» Extracted data
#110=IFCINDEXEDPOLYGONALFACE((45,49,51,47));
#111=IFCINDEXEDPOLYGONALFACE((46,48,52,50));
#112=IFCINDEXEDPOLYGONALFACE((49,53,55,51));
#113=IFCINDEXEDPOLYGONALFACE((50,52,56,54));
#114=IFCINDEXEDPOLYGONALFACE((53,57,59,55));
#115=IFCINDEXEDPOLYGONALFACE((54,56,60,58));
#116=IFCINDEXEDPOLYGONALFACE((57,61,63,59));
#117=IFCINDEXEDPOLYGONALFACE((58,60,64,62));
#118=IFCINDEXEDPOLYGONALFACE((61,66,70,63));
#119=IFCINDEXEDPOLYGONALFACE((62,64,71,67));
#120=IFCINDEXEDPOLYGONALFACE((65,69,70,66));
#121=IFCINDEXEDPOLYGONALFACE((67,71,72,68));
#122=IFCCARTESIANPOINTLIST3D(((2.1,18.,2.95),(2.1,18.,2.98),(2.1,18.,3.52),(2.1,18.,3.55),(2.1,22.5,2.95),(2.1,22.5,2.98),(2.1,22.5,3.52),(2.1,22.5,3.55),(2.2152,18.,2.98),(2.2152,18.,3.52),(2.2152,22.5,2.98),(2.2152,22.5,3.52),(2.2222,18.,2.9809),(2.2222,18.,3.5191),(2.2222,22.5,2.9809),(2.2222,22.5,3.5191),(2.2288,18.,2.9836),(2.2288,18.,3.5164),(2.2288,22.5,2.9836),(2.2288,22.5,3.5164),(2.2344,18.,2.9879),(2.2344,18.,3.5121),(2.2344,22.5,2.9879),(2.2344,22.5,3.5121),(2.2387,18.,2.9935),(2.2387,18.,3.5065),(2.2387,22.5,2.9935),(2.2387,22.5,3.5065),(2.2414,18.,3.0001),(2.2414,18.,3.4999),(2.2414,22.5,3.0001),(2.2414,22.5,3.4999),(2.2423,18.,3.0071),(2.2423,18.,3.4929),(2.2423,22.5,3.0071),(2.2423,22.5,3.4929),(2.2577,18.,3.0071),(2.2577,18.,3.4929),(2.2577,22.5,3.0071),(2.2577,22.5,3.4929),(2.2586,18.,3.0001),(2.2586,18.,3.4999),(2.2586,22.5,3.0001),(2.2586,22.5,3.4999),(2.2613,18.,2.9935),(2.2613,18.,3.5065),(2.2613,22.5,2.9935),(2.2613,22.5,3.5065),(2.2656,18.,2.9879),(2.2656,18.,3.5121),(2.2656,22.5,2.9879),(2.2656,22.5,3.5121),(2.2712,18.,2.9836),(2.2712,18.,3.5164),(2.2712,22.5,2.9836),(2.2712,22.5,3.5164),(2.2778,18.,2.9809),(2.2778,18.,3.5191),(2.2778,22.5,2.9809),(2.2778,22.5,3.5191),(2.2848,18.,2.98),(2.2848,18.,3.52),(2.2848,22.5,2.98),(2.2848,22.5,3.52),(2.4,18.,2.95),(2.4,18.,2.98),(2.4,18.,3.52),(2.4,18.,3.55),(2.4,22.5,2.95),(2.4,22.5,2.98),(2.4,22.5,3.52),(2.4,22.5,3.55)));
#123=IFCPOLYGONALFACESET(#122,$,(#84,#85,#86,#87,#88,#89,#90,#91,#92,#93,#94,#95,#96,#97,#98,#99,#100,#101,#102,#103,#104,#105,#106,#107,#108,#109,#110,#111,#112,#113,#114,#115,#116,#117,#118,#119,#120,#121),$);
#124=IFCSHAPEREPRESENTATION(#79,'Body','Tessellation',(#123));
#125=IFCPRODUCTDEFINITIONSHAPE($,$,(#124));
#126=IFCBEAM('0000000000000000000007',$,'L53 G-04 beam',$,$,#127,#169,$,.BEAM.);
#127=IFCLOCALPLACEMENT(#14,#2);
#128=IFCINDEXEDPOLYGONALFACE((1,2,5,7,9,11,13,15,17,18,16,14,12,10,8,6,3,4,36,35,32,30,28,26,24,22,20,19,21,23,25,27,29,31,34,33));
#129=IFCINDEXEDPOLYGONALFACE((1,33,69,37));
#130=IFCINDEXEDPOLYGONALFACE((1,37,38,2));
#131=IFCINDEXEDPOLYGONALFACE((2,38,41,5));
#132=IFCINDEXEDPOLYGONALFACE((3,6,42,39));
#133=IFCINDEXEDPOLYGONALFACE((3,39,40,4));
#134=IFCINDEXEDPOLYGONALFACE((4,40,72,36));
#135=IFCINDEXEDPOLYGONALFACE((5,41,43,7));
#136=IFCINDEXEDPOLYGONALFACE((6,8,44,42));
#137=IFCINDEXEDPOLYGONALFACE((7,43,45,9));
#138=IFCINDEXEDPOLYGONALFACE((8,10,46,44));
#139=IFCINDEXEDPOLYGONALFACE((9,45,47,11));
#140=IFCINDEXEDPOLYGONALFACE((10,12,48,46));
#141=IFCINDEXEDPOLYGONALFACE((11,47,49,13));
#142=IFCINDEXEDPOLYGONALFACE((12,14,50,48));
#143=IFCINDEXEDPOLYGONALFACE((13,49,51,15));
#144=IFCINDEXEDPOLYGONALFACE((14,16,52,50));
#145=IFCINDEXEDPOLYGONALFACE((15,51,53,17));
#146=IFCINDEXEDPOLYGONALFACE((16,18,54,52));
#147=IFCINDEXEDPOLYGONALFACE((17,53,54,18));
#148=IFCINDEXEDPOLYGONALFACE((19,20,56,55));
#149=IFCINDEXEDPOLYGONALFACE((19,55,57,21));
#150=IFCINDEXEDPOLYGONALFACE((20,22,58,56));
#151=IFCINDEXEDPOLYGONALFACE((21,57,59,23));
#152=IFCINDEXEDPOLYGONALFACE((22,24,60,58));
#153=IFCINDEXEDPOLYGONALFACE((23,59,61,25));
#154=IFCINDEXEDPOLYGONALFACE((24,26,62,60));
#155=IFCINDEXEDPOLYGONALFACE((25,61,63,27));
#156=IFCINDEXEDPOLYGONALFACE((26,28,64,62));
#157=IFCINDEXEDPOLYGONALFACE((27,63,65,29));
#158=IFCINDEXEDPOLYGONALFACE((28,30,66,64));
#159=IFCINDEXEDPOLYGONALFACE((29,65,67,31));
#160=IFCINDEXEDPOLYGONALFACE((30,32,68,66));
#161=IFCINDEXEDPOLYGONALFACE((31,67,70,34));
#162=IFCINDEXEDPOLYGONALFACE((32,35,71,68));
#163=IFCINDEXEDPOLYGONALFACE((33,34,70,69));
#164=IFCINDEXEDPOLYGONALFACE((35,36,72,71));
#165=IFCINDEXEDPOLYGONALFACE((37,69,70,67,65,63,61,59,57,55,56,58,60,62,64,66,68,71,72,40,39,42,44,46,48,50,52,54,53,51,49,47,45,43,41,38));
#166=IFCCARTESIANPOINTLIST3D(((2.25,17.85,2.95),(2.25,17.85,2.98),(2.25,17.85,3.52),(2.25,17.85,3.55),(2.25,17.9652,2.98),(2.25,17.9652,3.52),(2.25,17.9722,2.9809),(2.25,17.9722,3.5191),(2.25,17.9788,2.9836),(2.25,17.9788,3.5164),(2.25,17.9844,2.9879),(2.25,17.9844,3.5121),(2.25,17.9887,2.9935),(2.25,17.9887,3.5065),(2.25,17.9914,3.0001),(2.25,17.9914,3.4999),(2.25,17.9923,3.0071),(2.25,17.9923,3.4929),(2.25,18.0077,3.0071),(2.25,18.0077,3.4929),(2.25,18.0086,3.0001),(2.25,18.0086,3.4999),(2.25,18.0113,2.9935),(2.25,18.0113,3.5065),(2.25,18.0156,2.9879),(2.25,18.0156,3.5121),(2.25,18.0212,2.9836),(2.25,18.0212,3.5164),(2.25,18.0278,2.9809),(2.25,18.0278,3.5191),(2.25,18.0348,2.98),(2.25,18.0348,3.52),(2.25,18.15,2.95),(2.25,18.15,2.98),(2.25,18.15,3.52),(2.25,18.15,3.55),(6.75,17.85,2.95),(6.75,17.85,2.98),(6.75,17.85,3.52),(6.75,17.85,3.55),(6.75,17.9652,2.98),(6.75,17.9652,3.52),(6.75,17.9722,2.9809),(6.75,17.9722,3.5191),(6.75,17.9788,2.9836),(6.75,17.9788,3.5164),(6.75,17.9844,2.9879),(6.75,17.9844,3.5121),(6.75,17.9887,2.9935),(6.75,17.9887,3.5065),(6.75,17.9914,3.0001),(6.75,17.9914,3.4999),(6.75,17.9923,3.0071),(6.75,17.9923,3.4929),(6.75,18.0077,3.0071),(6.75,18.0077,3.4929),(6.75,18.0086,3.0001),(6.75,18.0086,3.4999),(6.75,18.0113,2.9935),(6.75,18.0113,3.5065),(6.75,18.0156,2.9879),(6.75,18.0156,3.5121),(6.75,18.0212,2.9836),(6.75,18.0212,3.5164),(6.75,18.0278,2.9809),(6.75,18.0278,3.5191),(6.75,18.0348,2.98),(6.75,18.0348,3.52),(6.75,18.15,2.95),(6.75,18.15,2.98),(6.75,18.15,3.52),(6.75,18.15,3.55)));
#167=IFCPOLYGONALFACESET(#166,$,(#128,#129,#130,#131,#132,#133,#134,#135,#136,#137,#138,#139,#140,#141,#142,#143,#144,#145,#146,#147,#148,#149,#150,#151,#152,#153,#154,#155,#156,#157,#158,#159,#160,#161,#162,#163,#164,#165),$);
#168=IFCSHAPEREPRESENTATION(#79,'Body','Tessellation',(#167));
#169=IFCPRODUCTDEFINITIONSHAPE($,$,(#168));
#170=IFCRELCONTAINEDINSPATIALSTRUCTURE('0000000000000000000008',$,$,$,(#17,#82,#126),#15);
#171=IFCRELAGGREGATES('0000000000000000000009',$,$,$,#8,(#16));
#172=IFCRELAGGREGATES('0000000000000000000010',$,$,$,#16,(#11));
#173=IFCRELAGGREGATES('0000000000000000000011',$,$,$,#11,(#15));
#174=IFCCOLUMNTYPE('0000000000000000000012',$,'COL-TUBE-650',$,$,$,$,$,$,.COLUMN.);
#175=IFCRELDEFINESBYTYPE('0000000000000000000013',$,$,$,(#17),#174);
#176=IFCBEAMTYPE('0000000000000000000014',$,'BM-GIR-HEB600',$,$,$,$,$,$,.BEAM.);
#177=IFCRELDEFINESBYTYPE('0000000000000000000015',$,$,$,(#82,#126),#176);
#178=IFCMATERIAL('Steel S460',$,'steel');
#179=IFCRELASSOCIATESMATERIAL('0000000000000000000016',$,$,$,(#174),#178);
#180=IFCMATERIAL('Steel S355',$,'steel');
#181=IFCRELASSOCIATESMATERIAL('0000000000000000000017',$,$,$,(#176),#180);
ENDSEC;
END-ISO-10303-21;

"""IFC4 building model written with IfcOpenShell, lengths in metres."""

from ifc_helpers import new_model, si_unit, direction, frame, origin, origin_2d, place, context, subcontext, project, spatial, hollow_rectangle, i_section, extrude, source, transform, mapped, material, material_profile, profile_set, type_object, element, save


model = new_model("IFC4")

» Exercise
Copy each line of the listing in which the word "IFCPRODUCTDEFINITIONSHAPE" can be found.

» Worked solution
#125=IFCPRODUCTDEFINITIONSHAPE($,$,(#124));
#169=IFCPRODUCTDEFINITIONSHAPE($,$,(#168));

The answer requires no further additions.